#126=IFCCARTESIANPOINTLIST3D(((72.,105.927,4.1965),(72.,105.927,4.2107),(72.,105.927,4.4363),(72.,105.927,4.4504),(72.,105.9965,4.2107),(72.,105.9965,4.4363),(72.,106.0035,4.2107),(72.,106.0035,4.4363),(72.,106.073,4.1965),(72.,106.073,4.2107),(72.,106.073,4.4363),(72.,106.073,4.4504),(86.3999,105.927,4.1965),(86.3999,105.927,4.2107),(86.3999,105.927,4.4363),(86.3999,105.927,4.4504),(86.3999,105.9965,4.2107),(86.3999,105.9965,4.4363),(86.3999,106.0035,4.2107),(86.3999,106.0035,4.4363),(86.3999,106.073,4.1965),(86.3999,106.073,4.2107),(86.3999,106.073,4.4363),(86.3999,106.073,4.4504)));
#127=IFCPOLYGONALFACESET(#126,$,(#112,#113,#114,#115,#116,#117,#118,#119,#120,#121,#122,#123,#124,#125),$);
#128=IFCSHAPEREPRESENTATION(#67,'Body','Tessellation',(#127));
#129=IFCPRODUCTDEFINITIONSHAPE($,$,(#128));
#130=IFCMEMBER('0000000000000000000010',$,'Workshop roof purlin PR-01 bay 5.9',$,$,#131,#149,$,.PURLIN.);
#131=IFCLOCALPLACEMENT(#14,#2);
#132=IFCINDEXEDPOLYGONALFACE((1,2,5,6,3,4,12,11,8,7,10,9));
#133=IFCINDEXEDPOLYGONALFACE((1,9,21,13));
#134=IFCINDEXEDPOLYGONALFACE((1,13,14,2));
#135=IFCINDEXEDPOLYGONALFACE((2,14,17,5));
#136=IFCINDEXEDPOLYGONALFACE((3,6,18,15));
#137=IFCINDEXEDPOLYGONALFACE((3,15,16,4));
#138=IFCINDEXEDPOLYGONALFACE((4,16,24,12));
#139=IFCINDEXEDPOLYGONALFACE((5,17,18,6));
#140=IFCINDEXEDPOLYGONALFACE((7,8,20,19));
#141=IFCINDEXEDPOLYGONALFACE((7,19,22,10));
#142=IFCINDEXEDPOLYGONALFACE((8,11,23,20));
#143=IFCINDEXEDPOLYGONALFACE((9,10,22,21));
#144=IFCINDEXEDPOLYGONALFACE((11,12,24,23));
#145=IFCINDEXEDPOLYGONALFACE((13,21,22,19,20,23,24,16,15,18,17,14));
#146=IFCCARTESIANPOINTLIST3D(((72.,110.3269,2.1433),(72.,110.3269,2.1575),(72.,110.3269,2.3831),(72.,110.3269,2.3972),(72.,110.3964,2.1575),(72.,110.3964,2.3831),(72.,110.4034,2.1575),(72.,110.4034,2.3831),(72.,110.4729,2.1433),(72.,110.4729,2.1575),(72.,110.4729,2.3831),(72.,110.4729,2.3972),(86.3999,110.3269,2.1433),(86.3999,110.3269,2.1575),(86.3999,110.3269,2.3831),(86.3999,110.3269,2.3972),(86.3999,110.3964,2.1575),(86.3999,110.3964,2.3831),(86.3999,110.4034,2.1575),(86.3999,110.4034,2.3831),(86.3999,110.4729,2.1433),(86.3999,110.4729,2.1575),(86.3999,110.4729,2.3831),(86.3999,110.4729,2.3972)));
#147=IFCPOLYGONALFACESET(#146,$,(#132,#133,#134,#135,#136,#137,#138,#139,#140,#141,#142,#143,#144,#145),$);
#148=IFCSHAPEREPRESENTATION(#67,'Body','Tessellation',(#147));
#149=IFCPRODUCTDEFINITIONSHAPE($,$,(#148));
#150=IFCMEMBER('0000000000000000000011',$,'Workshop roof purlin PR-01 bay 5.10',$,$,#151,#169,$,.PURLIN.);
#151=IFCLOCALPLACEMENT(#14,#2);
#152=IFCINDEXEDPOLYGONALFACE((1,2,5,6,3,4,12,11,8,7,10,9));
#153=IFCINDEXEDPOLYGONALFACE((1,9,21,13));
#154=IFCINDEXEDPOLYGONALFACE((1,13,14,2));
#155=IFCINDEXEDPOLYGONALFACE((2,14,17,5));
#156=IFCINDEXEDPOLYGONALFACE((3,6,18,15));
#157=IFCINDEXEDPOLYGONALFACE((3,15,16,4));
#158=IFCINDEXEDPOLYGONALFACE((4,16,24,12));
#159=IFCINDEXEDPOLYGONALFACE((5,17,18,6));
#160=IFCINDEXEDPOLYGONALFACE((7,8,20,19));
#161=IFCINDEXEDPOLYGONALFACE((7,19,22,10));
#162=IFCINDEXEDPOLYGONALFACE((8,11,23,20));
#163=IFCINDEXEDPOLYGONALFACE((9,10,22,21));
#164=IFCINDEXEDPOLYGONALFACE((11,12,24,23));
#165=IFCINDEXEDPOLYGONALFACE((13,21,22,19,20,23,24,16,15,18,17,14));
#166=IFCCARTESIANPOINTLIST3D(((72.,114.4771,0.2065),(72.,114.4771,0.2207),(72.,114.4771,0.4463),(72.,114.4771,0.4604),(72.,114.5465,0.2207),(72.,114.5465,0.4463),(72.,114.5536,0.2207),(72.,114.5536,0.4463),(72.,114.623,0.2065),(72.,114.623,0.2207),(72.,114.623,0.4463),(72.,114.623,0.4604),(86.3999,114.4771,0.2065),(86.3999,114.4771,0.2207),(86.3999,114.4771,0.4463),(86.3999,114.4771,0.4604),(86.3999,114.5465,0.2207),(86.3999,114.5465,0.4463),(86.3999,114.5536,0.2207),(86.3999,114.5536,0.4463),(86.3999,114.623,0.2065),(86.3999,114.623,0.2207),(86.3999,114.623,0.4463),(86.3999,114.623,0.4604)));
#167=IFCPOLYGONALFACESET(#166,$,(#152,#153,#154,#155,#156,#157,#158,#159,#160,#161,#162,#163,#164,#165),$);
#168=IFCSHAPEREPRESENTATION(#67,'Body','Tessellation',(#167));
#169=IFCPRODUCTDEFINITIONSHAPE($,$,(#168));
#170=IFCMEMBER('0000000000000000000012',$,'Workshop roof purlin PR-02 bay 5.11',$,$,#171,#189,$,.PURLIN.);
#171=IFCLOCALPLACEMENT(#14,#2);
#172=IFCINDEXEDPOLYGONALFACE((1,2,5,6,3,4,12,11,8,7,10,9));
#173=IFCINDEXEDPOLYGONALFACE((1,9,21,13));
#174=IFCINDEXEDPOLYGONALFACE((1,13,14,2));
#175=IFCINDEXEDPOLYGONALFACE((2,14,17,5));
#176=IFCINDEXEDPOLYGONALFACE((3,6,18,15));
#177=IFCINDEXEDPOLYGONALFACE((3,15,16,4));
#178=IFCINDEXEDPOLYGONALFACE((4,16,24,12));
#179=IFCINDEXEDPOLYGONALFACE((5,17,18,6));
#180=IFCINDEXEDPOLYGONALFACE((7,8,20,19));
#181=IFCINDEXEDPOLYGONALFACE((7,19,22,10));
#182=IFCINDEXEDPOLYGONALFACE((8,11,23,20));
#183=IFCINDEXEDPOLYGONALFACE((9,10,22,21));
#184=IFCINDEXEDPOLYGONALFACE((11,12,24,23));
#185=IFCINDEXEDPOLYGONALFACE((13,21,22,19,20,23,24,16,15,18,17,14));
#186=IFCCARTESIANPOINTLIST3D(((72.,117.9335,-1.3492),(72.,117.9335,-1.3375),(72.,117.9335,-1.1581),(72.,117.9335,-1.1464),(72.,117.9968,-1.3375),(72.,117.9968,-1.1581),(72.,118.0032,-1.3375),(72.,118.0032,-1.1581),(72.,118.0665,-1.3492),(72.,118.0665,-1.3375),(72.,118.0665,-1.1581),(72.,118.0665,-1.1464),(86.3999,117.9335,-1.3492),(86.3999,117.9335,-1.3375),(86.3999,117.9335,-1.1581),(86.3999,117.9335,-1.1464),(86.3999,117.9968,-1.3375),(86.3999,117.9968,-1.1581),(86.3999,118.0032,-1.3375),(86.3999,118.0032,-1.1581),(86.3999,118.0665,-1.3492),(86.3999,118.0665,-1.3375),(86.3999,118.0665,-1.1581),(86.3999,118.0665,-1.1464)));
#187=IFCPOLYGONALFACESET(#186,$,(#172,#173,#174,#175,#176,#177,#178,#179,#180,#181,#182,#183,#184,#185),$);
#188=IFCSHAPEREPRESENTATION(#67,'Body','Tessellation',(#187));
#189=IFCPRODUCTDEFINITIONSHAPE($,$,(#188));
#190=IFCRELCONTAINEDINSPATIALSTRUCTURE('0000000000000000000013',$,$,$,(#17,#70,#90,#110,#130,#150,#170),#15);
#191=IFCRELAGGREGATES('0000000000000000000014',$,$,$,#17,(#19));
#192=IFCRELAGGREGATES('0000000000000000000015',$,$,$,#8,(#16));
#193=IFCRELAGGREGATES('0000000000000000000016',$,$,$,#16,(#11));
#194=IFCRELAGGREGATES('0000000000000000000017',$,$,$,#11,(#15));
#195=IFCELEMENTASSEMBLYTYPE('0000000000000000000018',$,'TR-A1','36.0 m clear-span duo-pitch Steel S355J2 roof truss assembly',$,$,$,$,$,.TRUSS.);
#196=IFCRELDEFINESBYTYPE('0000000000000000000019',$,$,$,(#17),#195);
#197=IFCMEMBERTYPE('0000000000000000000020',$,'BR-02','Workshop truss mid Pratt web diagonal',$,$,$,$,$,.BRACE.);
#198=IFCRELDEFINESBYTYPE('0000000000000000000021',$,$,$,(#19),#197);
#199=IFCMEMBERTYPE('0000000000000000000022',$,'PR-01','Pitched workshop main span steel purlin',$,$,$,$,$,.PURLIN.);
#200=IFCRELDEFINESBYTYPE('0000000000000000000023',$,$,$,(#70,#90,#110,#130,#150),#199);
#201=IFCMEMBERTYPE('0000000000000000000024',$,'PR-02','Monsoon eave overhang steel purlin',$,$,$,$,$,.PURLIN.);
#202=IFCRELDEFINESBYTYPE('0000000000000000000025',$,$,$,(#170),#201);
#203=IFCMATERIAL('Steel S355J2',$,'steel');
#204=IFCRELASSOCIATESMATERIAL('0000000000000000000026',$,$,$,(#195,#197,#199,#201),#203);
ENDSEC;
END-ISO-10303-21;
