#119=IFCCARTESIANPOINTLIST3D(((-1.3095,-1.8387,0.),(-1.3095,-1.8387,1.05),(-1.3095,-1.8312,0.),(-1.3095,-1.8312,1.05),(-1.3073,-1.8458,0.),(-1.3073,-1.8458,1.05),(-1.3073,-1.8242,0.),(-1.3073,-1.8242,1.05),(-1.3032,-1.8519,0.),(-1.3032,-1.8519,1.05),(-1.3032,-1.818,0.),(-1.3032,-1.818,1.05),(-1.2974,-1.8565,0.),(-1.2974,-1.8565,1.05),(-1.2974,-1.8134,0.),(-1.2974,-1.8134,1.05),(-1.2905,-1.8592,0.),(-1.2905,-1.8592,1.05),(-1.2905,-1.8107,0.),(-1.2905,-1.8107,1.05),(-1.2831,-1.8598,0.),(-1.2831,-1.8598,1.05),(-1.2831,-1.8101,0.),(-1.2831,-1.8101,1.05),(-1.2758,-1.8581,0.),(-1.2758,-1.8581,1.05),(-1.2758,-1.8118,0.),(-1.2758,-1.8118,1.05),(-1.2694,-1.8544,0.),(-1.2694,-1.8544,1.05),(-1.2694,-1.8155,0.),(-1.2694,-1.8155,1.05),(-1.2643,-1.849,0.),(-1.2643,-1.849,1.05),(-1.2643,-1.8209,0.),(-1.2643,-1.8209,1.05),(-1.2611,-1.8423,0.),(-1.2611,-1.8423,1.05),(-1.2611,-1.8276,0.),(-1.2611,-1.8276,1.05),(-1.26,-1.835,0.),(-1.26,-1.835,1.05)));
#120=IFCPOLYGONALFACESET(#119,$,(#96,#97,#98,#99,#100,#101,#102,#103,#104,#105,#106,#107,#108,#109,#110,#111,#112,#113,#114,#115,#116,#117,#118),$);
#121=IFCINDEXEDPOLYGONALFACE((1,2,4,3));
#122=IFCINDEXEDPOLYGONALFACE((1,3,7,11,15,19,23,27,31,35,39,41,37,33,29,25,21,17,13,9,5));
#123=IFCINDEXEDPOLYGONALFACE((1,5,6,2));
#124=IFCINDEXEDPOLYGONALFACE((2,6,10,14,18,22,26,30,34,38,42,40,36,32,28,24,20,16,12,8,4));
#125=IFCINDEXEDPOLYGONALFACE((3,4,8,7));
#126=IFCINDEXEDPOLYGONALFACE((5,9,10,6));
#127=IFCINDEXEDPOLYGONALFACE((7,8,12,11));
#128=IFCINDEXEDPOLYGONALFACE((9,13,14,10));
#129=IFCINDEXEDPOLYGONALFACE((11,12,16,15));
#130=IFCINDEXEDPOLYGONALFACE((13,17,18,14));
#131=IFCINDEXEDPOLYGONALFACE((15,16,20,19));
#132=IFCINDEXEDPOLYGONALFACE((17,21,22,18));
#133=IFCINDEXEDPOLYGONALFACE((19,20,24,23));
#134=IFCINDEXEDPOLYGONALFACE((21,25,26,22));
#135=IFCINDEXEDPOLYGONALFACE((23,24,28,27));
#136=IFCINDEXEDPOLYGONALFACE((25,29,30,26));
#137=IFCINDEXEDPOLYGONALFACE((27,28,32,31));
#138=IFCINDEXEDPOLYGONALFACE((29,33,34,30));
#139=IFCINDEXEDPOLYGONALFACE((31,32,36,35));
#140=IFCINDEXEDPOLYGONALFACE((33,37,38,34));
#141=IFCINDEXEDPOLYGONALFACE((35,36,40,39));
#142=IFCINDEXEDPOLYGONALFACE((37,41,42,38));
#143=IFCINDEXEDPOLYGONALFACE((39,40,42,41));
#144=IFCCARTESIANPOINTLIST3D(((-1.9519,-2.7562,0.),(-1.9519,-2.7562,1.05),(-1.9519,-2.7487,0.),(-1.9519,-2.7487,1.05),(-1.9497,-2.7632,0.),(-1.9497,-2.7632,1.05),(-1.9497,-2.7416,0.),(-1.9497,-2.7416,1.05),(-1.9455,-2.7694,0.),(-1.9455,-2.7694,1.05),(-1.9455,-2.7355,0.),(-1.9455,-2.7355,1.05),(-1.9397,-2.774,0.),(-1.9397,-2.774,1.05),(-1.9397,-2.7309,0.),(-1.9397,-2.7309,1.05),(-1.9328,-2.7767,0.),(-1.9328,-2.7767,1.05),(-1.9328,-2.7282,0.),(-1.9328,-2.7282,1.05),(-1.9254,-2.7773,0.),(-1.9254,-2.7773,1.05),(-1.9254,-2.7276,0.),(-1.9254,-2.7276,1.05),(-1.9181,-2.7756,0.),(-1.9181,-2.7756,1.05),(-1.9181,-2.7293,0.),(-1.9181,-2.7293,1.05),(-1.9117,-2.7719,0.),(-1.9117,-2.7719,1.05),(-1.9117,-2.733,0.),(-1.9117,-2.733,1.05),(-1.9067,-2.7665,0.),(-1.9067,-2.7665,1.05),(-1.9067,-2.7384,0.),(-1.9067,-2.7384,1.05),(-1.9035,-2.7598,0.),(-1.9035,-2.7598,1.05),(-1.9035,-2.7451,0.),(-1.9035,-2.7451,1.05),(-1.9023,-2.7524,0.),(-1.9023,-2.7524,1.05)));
========================
**EXERCISE DIRECTIONS**: The line above containing "#126=IFCINDEXEDPOLYGONALFACE((5,9,10,6));", the line containing "#143=IFCINDEXEDPOLYGONALFACE((39,40,42,41));", and every line between them are to be transcribed exactly; no other line is wanted.

**EXERCISE SOLUTION**:
#126=IFCINDEXEDPOLYGONALFACE((5,9,10,6));
#127=IFCINDEXEDPOLYGONALFACE((7,8,12,11));
#128=IFCINDEXEDPOLYGONALFACE((9,13,14,10));
#129=IFCINDEXEDPOLYGONALFACE((11,12,16,15));
#130=IFCINDEXEDPOLYGONALFACE((13,17,18,14));
#131=IFCINDEXEDPOLYGONALFACE((15,16,20,19));
#132=IFCINDEXEDPOLYGONALFACE((17,21,22,18));
#133=IFCINDEXEDPOLYGONALFACE((19,20,24,23));
#134=IFCINDEXEDPOLYGONALFACE((21,25,26,22));
#135=IFCINDEXEDPOLYGONALFACE((23,24,28,27));
#136=IFCINDEXEDPOLYGONALFACE((25,29,30,26));
#137=IFCINDEXEDPOLYGONALFACE((27,28,32,31));
#138=IFCINDEXEDPOLYGONALFACE((29,33,34,30));
#139=IFCINDEXEDPOLYGONALFACE((31,32,36,35));
#140=IFCINDEXEDPOLYGONALFACE((33,37,38,34));
#141=IFCINDEXEDPOLYGONALFACE((35,36,40,39));
#142=IFCINDEXEDPOLYGONALFACE((37,41,42,38));
#143=IFCINDEXEDPOLYGONALFACE((39,40,42,41));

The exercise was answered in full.